━━━ Data for the task ━━━
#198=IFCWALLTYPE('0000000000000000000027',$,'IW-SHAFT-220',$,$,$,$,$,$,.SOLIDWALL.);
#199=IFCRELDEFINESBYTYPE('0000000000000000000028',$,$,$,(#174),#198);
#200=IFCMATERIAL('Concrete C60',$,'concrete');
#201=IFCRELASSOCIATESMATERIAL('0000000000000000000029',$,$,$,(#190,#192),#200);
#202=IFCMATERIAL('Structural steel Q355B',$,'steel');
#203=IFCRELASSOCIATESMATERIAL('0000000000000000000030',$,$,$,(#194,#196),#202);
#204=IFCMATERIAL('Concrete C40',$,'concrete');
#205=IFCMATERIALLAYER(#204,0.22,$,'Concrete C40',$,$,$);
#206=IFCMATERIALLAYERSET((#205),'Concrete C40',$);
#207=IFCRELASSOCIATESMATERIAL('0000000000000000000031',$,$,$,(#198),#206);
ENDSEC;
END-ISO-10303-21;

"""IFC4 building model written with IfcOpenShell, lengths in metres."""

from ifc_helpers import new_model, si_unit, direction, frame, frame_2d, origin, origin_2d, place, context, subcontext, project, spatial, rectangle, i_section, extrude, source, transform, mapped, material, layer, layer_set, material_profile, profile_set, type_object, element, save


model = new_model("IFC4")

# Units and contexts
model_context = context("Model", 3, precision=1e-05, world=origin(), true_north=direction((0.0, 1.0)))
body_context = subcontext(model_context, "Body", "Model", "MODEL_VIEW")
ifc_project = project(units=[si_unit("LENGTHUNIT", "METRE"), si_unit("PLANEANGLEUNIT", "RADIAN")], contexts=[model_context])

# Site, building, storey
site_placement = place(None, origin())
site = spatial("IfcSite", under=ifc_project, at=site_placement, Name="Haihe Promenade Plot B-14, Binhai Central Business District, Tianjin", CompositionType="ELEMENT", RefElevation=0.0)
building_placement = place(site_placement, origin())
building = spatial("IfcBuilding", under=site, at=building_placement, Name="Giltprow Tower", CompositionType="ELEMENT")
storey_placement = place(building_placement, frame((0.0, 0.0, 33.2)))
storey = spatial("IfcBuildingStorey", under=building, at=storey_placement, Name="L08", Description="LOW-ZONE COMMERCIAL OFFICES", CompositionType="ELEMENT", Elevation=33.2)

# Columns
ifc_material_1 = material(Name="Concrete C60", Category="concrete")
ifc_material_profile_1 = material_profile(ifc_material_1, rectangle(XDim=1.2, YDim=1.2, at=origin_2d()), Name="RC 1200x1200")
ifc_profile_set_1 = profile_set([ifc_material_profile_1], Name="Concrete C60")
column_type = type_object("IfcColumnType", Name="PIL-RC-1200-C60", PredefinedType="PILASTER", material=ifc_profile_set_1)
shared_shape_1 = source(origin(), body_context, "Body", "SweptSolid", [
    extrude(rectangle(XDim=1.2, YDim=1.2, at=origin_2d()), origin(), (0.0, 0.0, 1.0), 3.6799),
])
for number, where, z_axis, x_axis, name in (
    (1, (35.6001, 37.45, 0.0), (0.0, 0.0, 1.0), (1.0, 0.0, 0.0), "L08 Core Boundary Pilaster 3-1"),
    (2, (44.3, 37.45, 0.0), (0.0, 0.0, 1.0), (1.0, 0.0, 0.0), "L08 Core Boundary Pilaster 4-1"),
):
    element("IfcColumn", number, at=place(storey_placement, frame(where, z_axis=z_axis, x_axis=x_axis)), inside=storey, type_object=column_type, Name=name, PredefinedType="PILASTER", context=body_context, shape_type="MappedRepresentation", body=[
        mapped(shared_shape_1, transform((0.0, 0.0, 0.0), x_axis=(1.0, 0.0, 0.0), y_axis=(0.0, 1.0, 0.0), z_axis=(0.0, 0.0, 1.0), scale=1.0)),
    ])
━━━
- Exercise objective -
Output, unchanged, the lines of the listing above from the first one through the one holding "#202=IFCMATERIAL('Structural steel Q355B',$,'steel');". Leave out every line after it.

- Task response -
#198=IFCWALLTYPE('0000000000000000000027',$,'IW-SHAFT-220',$,$,$,$,$,$,.SOLIDWALL.);
#199=IFCRELDEFINESBYTYPE('0000000000000000000028',$,$,$,(#174),#198);
#200=IFCMATERIAL('Concrete C60',$,'concrete');
#201=IFCRELASSOCIATESMATERIAL('0000000000000000000029',$,$,$,(#190,#192),#200);
#202=IFCMATERIAL('Structural steel Q355B',$,'steel');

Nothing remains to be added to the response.